> TO DO:
The answer must consist of each line below that contains the string "IFCRELAGGREGATES".

____________________

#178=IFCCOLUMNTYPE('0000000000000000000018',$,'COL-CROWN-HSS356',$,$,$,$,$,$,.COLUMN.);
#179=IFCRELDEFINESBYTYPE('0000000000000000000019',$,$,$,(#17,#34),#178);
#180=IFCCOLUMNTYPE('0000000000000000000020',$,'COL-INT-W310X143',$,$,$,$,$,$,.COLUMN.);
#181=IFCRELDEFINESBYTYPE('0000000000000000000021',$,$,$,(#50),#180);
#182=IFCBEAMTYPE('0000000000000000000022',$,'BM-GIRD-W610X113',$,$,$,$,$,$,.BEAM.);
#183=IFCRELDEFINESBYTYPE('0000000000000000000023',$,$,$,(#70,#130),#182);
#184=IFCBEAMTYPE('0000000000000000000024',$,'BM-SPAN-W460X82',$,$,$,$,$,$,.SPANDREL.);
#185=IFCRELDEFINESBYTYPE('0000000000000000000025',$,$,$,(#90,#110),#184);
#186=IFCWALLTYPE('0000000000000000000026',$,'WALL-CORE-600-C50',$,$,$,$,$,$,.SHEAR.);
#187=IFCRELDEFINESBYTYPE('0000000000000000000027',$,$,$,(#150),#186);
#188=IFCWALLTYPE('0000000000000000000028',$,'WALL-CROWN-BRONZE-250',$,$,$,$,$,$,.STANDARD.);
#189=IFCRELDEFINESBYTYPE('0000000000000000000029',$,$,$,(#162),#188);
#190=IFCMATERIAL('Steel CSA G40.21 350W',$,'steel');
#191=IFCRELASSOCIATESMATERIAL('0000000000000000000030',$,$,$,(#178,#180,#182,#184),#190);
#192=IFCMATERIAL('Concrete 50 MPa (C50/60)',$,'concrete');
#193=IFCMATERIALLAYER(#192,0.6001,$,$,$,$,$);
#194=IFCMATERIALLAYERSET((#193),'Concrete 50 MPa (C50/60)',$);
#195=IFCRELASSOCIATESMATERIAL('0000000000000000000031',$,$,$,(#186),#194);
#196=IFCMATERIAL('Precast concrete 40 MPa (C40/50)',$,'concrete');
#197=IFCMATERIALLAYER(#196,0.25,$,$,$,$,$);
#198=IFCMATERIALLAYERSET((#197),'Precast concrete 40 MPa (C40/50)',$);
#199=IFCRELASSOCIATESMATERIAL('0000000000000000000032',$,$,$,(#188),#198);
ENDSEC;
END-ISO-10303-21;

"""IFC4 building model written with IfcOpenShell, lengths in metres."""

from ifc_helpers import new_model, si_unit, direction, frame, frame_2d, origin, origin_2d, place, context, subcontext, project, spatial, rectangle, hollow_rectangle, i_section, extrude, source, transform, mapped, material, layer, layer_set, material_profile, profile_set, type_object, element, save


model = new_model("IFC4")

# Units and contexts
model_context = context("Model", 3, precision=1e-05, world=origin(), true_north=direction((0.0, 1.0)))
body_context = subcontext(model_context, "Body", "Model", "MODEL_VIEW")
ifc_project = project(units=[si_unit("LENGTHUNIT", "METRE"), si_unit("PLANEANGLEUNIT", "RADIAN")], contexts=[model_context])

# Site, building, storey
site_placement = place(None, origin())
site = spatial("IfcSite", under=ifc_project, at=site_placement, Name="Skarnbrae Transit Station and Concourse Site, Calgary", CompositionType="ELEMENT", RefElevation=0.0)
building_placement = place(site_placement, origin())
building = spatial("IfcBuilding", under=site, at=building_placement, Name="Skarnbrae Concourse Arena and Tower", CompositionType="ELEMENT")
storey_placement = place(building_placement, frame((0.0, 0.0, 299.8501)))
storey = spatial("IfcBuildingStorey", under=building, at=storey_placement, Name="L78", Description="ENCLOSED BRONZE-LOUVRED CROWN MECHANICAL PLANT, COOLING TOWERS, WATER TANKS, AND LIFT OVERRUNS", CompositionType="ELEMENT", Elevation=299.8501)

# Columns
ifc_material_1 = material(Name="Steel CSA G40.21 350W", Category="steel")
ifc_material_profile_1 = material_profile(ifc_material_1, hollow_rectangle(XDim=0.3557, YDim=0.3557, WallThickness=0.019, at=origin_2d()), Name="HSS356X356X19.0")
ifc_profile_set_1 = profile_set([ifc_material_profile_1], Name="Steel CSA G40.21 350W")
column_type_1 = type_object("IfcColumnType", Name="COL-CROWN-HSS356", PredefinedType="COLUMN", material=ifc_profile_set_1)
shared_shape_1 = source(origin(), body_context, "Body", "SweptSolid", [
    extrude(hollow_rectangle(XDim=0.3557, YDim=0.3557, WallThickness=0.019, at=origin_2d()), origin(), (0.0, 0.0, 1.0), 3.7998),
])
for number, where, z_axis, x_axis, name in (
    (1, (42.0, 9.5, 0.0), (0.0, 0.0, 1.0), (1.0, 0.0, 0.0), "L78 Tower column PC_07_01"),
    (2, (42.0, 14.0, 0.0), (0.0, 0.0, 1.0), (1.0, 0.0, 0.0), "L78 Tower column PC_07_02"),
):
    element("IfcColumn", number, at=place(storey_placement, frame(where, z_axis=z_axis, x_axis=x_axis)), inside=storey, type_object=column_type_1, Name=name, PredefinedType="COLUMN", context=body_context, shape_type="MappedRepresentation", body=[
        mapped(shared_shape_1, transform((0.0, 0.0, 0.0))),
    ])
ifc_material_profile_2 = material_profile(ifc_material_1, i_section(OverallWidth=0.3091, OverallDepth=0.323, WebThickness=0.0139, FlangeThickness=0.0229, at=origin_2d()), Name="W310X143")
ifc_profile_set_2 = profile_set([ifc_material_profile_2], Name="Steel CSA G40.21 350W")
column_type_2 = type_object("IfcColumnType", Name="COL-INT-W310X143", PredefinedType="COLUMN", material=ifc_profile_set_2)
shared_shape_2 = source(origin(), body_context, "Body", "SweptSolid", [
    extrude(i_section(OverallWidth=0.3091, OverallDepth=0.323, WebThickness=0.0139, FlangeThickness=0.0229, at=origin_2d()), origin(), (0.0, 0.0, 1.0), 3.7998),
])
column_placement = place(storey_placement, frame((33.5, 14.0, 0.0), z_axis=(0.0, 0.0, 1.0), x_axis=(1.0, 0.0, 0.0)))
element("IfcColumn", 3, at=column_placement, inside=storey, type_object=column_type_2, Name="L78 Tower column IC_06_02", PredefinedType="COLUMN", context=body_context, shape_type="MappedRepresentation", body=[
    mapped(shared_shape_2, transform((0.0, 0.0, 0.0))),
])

____________________

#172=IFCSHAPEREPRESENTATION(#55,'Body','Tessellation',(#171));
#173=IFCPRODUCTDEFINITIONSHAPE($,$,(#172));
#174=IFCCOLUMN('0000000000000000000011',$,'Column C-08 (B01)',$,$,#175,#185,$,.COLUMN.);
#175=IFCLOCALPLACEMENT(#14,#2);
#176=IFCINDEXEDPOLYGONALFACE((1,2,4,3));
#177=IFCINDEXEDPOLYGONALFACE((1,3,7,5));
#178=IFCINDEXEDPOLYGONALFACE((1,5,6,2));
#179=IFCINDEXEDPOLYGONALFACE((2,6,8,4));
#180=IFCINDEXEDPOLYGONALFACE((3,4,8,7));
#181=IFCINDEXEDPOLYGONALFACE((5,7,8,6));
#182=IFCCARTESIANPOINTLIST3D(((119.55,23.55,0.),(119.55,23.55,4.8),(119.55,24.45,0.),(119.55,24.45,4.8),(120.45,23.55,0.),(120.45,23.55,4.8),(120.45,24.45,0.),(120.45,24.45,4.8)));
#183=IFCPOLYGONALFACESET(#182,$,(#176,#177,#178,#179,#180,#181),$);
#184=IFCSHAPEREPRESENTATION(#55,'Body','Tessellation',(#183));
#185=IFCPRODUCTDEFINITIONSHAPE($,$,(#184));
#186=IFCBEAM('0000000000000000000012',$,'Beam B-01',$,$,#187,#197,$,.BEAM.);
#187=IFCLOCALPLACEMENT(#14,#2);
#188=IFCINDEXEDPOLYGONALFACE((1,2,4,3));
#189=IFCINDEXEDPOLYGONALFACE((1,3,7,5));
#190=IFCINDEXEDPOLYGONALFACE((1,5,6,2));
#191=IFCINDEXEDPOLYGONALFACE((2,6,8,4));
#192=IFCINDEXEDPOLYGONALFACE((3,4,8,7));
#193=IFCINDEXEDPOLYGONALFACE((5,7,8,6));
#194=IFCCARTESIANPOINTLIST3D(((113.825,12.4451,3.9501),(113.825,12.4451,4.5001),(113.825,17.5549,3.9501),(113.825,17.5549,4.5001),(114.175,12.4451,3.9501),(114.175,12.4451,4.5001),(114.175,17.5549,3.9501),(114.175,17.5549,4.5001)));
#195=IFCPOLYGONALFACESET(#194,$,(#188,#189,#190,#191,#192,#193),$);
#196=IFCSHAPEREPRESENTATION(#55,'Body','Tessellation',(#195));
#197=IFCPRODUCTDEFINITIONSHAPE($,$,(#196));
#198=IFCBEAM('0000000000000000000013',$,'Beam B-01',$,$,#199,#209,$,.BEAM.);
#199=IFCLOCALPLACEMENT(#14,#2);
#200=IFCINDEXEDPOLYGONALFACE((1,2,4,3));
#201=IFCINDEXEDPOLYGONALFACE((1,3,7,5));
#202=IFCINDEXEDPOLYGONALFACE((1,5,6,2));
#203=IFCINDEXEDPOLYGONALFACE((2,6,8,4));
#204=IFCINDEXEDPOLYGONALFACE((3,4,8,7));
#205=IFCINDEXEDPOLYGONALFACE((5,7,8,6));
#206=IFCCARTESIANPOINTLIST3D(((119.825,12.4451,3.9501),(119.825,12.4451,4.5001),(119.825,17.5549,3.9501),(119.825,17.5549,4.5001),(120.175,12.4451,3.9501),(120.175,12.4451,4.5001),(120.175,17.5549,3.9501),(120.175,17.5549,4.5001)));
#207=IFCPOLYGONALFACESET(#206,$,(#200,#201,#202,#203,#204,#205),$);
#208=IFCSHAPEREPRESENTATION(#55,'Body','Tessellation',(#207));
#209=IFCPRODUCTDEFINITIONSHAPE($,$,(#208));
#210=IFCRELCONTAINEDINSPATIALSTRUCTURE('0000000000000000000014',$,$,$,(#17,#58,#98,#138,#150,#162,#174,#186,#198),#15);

____________________

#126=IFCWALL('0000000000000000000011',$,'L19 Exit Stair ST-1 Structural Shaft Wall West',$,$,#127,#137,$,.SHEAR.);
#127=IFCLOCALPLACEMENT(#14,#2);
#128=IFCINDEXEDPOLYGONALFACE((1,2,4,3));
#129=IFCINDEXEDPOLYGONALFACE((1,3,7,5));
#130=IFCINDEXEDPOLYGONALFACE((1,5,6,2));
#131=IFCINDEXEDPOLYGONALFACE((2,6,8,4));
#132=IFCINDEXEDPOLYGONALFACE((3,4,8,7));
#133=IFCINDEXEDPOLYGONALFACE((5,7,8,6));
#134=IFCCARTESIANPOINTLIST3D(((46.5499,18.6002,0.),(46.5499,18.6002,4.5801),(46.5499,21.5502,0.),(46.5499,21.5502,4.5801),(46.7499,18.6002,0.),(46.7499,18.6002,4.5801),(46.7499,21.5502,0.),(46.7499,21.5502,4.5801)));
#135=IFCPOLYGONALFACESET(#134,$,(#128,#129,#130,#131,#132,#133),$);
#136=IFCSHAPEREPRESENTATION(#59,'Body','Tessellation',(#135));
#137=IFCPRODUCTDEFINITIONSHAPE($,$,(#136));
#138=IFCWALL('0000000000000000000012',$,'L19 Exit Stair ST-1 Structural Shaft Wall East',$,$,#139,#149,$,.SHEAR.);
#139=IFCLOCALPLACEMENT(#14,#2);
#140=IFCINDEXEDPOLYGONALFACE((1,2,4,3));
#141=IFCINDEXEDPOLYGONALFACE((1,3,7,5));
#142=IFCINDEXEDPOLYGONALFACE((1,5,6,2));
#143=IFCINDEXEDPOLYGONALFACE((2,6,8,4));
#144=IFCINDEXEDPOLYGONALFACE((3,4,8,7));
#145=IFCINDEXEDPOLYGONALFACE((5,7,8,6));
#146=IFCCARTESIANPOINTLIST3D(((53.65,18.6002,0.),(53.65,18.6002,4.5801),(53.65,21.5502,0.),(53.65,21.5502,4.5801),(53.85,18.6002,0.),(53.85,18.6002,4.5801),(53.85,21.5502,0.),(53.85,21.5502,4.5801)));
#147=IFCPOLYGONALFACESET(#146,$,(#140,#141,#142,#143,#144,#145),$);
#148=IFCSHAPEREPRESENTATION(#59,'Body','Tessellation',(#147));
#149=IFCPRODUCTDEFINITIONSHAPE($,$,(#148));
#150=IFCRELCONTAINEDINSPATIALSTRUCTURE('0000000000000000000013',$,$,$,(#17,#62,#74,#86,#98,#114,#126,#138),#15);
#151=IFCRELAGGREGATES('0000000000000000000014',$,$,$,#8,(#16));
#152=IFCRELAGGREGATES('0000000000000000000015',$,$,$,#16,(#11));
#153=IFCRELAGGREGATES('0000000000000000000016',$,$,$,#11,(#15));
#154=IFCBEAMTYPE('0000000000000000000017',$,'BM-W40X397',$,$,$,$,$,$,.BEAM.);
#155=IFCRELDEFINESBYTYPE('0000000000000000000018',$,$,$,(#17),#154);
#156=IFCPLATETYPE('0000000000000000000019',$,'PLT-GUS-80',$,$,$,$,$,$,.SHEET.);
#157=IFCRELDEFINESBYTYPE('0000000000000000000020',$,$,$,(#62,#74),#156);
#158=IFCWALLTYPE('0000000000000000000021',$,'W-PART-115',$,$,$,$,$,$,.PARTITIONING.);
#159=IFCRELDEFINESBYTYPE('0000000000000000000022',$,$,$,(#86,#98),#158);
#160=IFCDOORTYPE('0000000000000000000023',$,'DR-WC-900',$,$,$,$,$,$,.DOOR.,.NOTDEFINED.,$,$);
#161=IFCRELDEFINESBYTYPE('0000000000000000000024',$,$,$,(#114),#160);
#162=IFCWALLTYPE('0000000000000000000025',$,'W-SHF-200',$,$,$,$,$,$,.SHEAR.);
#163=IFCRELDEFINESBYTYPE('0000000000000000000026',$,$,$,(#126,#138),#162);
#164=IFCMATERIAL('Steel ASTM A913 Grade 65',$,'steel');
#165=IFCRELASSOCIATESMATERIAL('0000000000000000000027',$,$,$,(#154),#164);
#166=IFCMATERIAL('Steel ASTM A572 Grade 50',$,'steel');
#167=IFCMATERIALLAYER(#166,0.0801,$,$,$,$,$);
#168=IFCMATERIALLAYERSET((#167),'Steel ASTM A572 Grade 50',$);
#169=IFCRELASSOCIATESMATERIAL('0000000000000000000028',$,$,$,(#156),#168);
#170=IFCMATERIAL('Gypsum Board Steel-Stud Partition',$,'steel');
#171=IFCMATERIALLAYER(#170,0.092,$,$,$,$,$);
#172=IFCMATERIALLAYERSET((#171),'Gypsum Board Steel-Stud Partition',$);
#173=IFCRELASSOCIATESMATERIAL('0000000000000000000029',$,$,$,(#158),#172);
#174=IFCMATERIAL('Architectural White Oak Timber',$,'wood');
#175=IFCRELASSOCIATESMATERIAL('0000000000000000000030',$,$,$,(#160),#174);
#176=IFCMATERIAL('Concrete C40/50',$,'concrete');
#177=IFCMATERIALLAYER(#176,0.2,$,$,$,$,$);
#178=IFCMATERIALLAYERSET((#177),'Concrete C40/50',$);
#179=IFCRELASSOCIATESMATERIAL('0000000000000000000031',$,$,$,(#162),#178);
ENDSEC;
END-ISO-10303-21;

____________________

> RESULT OF THIS EXERCISE:
#151=IFCRELAGGREGATES('0000000000000000000014',$,$,$,#8,(#16));
#152=IFCRELAGGREGATES('0000000000000000000015',$,$,$,#16,(#11));
#153=IFCRELAGGREGATES('0000000000000000000016',$,$,$,#11,(#15));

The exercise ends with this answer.